→ **Problem statement**: What is the number of lines below that hold "IFCMATERIALLAYERSET"? Answer with that number only.

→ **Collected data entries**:
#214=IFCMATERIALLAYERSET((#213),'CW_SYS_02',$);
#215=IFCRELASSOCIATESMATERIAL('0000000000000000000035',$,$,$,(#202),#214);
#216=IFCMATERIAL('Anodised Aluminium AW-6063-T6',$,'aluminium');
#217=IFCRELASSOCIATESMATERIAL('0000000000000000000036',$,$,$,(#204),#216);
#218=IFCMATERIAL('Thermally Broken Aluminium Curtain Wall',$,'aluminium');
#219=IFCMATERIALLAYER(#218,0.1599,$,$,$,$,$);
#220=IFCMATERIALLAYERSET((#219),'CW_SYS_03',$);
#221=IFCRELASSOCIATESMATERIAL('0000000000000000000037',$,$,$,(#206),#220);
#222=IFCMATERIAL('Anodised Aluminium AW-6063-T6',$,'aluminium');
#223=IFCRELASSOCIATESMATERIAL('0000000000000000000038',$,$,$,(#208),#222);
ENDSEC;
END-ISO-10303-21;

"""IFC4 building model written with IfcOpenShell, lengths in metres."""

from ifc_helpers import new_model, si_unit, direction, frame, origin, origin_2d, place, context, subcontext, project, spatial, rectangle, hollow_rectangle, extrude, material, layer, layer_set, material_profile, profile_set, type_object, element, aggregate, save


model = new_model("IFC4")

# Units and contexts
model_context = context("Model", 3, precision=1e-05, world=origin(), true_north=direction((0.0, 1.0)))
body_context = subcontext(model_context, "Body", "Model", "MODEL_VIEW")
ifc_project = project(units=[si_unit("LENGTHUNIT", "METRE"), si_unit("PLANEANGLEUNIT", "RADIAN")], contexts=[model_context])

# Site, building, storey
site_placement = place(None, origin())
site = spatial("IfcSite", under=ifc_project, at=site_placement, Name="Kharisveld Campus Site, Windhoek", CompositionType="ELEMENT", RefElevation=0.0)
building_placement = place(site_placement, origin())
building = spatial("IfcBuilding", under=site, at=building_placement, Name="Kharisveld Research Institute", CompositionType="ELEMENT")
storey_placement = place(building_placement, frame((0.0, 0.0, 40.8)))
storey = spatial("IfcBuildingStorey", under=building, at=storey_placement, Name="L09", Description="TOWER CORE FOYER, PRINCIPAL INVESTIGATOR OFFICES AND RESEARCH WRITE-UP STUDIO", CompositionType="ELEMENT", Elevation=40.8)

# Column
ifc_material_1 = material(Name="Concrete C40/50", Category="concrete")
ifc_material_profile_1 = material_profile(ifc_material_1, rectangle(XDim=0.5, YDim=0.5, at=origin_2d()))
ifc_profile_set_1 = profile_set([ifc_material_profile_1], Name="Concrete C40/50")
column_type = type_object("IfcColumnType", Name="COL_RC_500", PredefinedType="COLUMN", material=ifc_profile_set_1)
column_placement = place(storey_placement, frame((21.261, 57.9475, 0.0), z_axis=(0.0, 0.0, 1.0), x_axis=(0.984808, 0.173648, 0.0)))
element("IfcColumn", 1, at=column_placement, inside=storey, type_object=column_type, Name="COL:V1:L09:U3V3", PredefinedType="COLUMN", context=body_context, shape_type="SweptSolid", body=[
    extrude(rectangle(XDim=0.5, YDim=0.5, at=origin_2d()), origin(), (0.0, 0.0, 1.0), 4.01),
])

→ **Answer space**: 2